*What is being asked*
All that should come back is the lines of the data below from the one containing "#120=IFCINDEXEDPOLYGONALFACE((57,61,63,59));" to the one containing "#125=IFCINDEXEDPOLYGONALFACE((67,71,72,68));", inclusive, exactly as they stand.
Raw data: Begin
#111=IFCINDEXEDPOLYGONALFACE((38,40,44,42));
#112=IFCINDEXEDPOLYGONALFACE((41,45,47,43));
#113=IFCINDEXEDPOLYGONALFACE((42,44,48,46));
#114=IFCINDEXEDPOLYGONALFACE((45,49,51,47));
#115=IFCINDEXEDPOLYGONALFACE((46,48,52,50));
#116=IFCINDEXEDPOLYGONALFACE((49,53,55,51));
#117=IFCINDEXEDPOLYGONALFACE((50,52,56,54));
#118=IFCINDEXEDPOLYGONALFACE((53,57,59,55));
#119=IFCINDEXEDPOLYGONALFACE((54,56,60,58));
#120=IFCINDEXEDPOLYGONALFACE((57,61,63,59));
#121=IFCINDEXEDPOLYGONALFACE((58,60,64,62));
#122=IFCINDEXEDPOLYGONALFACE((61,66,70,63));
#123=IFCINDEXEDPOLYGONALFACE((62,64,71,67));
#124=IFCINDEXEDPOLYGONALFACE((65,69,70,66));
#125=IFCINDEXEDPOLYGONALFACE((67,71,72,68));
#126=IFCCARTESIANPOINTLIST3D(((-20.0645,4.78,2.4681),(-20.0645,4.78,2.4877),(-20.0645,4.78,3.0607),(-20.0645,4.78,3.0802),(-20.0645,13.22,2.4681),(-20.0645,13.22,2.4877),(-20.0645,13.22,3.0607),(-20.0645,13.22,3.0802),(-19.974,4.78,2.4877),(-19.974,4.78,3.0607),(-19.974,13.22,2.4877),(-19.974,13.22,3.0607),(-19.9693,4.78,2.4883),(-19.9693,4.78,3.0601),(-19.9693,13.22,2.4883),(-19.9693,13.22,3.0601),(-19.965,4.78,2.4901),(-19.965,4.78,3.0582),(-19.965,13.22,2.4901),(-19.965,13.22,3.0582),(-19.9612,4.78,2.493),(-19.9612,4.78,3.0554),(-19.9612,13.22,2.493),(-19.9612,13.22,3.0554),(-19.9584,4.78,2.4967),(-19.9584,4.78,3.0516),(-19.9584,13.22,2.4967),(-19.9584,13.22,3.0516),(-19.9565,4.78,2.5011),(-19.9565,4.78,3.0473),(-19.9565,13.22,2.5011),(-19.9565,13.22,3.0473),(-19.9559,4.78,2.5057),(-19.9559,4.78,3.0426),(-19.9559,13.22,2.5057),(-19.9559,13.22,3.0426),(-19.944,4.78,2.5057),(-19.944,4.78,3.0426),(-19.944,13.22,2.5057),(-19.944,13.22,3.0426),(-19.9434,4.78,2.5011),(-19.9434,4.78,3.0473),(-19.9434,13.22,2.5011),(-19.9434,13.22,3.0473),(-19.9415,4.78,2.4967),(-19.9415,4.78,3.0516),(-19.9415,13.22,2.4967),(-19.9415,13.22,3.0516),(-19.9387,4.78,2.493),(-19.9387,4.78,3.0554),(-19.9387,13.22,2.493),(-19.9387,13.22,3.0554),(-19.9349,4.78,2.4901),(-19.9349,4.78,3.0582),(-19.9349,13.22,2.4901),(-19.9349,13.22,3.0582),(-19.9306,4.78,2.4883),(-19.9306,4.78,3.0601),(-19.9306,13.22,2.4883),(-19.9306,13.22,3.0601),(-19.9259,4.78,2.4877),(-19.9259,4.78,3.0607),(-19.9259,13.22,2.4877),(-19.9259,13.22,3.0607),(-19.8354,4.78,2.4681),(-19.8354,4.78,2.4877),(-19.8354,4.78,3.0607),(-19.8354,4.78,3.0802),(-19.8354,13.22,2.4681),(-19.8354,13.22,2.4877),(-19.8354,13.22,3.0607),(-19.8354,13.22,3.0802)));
Raw data: End
Raw data: Begin
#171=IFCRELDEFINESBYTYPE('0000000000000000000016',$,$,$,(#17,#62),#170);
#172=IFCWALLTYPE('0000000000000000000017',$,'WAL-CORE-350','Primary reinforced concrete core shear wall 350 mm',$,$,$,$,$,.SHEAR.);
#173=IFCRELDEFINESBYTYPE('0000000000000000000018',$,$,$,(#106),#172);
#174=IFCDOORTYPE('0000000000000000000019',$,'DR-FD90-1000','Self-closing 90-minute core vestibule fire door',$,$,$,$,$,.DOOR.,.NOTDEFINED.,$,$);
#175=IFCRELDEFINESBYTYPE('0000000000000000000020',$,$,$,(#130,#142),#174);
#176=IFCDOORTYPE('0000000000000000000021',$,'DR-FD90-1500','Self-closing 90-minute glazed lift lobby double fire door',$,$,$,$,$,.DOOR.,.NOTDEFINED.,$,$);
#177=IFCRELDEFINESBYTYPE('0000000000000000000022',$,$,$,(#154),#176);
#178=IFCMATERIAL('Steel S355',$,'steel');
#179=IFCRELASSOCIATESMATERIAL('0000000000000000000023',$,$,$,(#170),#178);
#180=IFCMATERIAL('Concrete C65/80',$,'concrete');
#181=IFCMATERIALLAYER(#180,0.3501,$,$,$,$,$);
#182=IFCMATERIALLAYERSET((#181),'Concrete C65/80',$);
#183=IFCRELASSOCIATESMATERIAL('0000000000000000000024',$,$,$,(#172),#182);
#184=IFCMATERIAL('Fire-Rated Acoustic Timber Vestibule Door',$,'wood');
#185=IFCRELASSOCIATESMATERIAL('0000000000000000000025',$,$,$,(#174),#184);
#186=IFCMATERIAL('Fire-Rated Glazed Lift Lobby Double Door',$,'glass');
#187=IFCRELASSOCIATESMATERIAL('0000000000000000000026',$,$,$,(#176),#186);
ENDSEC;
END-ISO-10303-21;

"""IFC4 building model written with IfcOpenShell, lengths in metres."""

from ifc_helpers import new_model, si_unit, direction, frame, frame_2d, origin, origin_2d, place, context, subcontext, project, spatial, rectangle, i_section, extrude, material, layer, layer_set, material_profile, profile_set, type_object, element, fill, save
Raw data: End
Raw data: Begin
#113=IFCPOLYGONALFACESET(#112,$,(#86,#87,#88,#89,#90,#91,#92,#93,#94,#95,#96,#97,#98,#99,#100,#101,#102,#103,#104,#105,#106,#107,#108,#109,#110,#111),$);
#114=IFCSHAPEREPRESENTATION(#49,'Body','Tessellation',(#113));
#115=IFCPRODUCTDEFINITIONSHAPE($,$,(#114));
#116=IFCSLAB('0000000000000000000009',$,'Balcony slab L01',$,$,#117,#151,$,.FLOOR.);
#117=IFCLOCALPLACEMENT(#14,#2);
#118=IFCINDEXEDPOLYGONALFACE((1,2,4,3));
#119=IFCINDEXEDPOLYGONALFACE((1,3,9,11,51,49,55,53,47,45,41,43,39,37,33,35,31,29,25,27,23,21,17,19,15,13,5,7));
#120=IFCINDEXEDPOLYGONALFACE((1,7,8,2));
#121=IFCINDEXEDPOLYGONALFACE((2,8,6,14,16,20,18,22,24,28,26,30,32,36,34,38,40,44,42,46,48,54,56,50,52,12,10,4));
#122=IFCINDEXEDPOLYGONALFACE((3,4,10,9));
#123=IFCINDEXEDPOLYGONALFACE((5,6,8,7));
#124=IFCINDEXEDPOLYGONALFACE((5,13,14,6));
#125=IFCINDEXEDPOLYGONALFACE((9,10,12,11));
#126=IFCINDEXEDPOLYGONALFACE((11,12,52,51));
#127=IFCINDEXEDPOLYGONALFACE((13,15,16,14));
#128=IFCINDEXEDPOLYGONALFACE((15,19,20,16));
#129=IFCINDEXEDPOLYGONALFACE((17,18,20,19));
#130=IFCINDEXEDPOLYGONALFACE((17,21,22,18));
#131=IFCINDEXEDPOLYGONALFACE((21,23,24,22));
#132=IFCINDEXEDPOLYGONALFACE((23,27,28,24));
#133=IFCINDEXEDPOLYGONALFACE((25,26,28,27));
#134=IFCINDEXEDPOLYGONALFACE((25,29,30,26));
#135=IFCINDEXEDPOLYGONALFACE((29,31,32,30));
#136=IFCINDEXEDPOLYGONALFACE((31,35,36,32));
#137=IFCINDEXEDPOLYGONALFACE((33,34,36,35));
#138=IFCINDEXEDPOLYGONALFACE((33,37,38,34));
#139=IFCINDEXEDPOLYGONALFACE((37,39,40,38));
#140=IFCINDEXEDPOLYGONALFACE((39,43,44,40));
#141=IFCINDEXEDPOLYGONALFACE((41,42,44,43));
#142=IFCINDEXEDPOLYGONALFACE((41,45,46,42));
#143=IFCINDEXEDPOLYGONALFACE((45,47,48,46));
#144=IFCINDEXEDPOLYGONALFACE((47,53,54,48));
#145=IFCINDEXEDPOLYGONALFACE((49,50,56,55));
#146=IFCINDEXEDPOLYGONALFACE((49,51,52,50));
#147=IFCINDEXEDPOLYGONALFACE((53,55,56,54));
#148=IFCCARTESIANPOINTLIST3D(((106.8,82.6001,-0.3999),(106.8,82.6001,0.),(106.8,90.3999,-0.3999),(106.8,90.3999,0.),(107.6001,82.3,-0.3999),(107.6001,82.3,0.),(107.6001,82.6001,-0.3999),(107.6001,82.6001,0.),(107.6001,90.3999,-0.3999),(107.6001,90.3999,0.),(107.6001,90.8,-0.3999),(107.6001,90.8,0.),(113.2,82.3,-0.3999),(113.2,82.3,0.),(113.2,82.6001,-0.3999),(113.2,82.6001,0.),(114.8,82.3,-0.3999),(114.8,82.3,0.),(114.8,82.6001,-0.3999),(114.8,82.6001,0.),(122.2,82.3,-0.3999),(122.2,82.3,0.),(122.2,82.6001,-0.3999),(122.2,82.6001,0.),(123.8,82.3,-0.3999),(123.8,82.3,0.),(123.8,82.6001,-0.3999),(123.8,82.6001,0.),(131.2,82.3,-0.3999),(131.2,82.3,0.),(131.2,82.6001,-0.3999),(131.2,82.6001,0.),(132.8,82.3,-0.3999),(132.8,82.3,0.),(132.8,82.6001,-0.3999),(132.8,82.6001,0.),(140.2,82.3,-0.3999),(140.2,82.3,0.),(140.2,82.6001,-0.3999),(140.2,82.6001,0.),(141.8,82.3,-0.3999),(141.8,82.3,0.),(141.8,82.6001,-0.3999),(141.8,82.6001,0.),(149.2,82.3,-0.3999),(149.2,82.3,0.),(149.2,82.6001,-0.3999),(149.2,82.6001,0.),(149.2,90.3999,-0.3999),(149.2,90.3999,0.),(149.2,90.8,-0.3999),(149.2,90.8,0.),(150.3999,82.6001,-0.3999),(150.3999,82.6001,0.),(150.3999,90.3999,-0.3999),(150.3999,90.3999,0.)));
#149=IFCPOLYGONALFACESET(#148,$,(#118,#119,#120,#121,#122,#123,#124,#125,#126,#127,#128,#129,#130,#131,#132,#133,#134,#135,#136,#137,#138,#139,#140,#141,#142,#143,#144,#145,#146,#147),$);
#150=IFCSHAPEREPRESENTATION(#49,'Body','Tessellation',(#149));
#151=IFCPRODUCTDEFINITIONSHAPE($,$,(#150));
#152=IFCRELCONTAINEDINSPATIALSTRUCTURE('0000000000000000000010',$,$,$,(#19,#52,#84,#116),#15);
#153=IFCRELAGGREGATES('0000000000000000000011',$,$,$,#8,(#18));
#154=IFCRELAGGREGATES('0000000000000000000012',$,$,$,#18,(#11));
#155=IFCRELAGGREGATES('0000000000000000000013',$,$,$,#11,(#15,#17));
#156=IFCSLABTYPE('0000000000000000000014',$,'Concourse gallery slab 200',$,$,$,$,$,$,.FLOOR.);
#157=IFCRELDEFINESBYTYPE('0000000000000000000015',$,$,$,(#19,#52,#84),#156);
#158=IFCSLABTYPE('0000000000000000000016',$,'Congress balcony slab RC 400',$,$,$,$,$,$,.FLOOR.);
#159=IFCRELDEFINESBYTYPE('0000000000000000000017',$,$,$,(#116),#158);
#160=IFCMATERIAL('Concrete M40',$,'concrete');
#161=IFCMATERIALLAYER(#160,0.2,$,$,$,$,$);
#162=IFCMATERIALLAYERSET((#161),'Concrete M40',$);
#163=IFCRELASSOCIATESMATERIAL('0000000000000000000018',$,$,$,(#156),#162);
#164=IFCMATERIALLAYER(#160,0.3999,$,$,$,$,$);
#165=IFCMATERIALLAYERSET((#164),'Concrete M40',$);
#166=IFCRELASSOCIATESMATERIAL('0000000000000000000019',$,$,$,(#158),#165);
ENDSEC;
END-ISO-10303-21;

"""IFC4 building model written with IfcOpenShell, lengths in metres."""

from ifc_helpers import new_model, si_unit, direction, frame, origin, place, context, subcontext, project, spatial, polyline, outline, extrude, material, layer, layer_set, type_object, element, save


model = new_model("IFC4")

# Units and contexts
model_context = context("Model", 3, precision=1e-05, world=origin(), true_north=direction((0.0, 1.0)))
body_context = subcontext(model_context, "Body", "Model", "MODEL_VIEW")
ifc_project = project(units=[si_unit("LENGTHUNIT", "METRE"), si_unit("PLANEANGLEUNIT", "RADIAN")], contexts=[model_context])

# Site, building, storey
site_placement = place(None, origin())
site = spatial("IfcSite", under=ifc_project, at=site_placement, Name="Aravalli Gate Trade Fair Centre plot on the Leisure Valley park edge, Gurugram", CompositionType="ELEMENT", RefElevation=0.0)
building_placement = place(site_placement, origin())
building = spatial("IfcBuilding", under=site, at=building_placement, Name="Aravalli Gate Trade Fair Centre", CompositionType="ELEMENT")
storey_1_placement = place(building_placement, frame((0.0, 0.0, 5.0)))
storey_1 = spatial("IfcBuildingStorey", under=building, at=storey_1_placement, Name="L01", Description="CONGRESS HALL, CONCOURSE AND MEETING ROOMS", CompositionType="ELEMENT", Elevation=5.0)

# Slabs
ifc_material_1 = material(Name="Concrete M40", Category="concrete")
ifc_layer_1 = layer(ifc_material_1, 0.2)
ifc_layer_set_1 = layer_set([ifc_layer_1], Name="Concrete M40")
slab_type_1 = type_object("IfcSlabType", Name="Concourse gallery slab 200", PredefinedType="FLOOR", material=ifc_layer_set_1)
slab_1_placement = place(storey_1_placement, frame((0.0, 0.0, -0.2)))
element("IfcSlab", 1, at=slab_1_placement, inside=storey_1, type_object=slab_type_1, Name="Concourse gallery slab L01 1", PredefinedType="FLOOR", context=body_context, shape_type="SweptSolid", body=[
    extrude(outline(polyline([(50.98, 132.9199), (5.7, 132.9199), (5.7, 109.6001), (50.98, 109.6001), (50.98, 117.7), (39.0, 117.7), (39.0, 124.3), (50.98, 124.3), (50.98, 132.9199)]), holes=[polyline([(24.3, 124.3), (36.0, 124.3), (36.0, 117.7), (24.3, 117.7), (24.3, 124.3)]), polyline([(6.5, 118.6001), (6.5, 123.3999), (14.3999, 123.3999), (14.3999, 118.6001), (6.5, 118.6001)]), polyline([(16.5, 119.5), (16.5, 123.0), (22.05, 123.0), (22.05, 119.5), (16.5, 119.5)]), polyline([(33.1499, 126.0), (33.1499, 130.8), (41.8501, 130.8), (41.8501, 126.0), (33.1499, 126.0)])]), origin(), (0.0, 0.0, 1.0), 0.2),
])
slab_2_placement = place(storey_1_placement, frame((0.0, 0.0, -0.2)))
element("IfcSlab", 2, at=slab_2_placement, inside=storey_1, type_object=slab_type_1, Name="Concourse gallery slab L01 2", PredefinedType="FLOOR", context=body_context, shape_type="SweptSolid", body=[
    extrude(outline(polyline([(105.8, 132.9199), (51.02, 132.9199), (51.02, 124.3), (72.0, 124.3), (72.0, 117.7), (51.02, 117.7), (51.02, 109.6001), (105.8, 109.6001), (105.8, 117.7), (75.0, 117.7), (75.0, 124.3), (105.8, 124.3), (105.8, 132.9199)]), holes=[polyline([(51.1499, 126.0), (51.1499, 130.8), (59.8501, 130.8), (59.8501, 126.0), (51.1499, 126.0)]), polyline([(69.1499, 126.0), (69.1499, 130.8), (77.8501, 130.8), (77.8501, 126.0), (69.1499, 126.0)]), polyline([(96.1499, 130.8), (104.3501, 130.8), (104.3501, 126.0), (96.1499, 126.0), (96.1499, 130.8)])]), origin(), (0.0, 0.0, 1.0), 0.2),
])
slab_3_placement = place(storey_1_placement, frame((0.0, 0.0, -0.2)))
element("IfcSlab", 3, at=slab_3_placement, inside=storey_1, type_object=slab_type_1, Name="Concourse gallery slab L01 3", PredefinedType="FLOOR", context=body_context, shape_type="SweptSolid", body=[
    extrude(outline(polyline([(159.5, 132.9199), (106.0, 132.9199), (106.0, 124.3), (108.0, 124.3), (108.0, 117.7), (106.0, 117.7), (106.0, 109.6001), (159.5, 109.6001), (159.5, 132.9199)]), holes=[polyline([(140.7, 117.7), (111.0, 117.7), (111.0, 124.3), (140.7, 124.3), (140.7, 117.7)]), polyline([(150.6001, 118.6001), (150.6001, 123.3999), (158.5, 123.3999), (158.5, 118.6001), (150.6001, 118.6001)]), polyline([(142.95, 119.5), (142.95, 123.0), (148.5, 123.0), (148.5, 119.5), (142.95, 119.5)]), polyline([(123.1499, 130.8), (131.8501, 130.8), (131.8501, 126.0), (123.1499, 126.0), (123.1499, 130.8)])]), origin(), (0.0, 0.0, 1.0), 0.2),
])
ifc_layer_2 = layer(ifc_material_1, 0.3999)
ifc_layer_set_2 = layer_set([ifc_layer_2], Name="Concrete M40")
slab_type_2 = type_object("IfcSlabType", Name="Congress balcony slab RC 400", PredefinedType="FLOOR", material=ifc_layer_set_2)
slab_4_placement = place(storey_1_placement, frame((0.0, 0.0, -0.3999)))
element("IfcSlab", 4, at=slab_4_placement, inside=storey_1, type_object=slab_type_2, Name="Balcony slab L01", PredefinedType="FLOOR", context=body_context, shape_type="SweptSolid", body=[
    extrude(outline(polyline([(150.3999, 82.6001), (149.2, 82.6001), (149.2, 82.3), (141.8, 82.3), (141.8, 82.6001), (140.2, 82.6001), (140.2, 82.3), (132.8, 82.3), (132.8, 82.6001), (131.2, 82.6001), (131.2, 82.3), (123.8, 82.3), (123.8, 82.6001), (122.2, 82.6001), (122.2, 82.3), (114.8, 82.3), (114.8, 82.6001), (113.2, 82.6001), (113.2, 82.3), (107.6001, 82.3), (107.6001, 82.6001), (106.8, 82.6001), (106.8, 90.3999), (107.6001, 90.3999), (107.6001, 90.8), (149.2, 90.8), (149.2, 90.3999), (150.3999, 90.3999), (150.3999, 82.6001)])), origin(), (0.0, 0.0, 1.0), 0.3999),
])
Raw data: End
*The answer*
#120=IFCINDEXEDPOLYGONALFACE((57,61,63,59));
#121=IFCINDEXEDPOLYGONALFACE((58,60,64,62));
#122=IFCINDEXEDPOLYGONALFACE((61,66,70,63));
#123=IFCINDEXEDPOLYGONALFACE((62,64,71,67));
#124=IFCINDEXEDPOLYGONALFACE((65,69,70,66));
#125=IFCINDEXEDPOLYGONALFACE((67,71,72,68));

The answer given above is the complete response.